EXTRACTED INFORMATION =>
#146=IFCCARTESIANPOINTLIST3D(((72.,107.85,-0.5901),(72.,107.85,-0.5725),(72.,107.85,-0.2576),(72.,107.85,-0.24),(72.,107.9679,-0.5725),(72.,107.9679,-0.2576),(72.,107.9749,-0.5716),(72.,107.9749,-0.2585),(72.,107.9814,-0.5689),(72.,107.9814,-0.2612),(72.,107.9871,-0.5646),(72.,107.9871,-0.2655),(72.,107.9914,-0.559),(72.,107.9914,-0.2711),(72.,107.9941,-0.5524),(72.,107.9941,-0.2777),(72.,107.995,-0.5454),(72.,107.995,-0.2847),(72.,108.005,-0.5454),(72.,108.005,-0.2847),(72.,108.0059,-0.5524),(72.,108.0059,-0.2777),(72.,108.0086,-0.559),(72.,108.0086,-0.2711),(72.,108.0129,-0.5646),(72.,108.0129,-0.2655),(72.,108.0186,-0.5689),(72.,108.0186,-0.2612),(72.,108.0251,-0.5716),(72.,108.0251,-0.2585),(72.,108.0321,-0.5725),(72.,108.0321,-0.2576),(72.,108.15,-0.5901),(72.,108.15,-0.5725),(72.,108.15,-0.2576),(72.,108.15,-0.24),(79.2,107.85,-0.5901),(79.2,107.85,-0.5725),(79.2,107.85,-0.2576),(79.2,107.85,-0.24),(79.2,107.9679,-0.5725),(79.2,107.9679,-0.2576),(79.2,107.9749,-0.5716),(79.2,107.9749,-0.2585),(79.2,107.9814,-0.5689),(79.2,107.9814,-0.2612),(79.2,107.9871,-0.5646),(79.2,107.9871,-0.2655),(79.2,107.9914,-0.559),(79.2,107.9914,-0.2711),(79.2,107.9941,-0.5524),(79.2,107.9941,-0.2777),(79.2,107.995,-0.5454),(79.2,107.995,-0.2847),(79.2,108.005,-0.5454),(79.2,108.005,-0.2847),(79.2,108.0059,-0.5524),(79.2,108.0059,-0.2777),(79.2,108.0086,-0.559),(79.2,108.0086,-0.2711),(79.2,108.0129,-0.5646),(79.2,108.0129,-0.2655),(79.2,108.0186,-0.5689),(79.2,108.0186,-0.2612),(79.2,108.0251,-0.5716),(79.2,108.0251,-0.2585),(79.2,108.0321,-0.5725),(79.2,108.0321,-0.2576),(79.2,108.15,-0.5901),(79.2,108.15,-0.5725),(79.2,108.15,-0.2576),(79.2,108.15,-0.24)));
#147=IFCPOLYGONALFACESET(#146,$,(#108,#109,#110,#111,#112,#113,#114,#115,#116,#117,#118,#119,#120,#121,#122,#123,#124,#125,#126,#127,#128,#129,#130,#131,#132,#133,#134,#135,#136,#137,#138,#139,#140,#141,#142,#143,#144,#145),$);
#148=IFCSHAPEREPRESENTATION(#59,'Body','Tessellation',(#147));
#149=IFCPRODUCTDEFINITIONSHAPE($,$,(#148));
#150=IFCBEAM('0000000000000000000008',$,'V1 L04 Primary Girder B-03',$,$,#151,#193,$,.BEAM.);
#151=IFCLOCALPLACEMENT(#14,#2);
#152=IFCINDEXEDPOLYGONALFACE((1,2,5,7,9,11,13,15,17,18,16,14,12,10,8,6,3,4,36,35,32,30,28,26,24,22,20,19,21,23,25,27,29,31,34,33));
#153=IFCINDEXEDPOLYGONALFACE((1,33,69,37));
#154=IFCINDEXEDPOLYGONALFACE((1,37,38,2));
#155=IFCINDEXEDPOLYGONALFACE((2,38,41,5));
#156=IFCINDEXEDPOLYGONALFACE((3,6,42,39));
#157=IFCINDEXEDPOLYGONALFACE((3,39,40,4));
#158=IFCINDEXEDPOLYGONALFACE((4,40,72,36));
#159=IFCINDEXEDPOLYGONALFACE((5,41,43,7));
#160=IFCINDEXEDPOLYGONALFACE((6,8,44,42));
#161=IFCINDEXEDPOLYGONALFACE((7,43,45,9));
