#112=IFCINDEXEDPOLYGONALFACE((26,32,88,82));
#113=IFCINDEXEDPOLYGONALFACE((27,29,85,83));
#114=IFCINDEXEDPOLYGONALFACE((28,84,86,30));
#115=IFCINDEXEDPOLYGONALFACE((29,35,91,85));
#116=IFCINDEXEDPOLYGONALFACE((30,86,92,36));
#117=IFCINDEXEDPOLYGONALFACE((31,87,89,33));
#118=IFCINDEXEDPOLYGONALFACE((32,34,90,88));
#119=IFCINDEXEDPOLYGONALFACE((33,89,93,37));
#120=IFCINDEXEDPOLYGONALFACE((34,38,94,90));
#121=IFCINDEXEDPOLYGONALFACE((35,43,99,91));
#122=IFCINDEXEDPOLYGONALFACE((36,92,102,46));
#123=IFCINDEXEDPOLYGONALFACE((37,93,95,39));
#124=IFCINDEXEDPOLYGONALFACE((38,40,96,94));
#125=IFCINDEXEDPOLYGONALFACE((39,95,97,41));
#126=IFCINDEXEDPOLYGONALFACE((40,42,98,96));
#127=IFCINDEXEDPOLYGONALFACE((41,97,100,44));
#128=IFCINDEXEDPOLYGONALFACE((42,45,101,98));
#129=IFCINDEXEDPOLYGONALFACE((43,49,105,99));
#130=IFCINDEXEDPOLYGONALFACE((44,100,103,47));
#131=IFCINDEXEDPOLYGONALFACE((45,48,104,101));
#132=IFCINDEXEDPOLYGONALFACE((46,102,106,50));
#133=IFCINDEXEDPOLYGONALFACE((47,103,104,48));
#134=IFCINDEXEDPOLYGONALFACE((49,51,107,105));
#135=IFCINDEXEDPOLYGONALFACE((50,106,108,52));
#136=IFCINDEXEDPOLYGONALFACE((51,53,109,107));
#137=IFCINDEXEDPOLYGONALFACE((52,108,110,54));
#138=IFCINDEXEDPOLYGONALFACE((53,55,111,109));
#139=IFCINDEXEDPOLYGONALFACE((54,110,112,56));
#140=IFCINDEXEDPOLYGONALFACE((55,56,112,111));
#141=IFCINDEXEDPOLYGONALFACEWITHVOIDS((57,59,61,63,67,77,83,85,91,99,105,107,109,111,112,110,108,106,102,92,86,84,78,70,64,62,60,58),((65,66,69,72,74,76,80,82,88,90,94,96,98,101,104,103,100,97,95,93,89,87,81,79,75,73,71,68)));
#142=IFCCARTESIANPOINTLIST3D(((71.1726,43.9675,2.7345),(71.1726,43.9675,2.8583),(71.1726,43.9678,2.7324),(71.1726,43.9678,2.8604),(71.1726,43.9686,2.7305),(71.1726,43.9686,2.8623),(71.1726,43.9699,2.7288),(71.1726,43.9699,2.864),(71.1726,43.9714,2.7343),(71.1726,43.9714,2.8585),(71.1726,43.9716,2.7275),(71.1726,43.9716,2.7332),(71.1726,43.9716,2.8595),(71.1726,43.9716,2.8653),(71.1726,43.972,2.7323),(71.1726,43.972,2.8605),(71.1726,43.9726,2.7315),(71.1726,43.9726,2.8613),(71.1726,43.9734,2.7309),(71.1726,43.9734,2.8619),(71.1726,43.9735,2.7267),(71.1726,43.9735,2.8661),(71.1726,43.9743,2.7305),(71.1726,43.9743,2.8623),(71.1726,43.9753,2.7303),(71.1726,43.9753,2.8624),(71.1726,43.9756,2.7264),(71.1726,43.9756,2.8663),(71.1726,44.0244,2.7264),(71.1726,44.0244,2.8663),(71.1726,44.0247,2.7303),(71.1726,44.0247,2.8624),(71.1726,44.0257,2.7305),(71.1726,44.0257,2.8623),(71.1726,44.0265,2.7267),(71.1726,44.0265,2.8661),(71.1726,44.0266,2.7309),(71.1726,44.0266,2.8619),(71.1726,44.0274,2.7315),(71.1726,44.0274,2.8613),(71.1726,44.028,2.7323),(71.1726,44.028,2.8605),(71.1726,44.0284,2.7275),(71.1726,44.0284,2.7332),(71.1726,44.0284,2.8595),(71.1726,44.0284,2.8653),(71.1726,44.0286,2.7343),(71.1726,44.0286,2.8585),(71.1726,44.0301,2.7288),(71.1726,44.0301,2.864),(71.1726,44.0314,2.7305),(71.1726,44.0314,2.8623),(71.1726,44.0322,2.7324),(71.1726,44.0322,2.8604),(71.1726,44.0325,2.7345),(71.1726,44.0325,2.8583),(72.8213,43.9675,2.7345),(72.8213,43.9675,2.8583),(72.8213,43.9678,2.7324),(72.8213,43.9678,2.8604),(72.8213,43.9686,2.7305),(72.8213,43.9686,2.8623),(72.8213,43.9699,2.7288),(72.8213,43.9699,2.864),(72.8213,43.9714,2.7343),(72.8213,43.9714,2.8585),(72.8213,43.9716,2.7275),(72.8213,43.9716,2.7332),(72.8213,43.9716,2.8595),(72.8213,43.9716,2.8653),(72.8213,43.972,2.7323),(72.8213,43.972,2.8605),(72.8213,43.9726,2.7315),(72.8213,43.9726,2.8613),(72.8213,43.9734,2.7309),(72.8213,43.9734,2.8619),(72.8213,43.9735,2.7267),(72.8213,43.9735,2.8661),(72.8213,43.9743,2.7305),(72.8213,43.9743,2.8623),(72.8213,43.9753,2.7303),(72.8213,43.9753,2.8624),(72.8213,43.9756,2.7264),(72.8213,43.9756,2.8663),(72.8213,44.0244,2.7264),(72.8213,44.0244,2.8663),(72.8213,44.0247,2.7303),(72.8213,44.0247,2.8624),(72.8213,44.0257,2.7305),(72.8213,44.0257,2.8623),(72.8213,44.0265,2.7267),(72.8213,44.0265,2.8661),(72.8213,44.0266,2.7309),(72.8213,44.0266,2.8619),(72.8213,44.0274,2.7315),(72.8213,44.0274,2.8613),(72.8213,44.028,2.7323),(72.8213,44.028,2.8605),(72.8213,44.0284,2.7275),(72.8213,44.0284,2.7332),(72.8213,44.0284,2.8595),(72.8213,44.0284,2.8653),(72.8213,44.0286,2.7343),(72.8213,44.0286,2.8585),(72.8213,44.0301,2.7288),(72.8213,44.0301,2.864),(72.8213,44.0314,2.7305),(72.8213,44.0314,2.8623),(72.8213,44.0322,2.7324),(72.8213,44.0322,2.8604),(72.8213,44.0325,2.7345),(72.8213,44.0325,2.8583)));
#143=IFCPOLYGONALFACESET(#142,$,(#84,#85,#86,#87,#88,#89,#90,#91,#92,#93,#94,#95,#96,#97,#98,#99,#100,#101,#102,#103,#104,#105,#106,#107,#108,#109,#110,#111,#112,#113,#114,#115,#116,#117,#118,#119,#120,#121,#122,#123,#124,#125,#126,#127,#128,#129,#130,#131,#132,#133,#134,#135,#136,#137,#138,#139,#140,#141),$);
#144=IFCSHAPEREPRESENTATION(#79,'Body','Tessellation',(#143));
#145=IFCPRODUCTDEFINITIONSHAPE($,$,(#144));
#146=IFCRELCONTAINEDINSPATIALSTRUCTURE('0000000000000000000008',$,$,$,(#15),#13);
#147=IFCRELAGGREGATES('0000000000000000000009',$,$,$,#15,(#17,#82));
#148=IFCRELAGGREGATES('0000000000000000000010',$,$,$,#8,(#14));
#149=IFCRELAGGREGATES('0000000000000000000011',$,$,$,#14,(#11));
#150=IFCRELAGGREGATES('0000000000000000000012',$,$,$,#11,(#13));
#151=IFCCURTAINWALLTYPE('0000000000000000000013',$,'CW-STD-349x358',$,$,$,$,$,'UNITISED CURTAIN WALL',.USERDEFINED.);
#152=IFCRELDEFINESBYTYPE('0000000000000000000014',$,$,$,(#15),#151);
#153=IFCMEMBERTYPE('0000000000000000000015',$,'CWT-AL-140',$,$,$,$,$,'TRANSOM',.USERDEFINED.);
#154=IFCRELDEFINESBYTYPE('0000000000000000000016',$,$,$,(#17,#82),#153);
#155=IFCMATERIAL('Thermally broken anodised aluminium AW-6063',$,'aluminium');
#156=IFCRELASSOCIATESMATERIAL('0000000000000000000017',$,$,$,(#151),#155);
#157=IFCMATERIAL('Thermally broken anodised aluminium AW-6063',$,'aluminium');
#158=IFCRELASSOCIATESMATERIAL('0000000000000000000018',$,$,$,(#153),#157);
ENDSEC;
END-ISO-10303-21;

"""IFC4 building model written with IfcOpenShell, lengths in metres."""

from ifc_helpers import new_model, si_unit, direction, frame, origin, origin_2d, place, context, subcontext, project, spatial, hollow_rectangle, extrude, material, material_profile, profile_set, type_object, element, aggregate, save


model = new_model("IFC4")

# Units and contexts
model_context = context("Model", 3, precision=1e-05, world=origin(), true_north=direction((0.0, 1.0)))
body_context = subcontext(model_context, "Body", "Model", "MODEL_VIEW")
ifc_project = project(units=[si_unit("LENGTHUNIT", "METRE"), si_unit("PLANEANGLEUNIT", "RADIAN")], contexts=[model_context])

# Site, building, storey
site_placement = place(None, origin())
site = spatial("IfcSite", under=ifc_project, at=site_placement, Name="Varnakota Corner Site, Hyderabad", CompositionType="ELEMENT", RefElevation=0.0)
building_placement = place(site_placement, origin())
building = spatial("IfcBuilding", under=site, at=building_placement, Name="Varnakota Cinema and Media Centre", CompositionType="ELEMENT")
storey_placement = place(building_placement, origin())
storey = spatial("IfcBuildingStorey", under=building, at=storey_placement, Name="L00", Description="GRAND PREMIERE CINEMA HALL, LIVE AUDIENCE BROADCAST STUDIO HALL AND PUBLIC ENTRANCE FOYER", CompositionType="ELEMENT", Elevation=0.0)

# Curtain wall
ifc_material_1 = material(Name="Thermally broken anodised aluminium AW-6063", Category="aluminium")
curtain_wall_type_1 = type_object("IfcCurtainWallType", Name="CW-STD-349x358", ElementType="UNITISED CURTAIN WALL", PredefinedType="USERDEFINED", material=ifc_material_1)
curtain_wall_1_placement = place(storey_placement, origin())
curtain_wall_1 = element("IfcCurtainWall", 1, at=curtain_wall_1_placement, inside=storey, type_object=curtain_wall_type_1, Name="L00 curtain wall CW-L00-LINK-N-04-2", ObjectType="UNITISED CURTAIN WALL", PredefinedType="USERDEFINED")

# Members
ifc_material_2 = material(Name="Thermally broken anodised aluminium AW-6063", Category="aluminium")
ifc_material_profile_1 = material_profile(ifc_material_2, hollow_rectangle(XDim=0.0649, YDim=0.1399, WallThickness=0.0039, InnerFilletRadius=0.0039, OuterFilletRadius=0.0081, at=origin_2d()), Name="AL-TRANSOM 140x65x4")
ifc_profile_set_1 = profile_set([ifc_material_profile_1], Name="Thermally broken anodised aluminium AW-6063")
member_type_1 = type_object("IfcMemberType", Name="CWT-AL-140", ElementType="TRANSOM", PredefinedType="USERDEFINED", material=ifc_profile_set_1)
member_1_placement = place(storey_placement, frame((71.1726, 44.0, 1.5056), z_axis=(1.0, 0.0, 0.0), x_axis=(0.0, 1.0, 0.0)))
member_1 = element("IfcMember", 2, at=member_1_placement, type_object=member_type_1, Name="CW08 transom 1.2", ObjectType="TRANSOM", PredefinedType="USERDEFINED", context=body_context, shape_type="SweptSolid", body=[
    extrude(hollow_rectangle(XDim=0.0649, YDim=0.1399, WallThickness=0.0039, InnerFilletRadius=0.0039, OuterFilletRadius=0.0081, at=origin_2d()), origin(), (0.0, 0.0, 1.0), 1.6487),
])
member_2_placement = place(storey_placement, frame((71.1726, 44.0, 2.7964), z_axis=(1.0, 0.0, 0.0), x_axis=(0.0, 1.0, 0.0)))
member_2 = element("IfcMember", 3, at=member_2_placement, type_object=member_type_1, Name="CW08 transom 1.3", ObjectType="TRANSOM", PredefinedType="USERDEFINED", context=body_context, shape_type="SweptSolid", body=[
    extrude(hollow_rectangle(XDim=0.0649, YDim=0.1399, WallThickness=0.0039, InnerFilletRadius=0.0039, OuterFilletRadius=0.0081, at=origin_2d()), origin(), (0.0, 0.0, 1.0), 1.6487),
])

PROMPT => Starting from the records above, filter out all lines except those containing the word "ObjectType".

ANSWER BOX =>
curtain_wall_1 = element("IfcCurtainWall", 1, at=curtain_wall_1_placement, inside=storey, type_object=curtain_wall_type_1, Name="L00 curtain wall CW-L00-LINK-N-04-2", ObjectType="UNITISED CURTAIN WALL", PredefinedType="USERDEFINED")
member_1 = element("IfcMember", 2, at=member_1_placement, type_object=member_type_1, Name="CW08 transom 1.2", ObjectType="TRANSOM", PredefinedType="USERDEFINED", context=body_context, shape_type="SweptSolid", body=[
member_2 = element("IfcMember", 3, at=member_2_placement, type_object=member_type_1, Name="CW08 transom 1.3", ObjectType="TRANSOM", PredefinedType="USERDEFINED", context=body_context, shape_type="SweptSolid", body=[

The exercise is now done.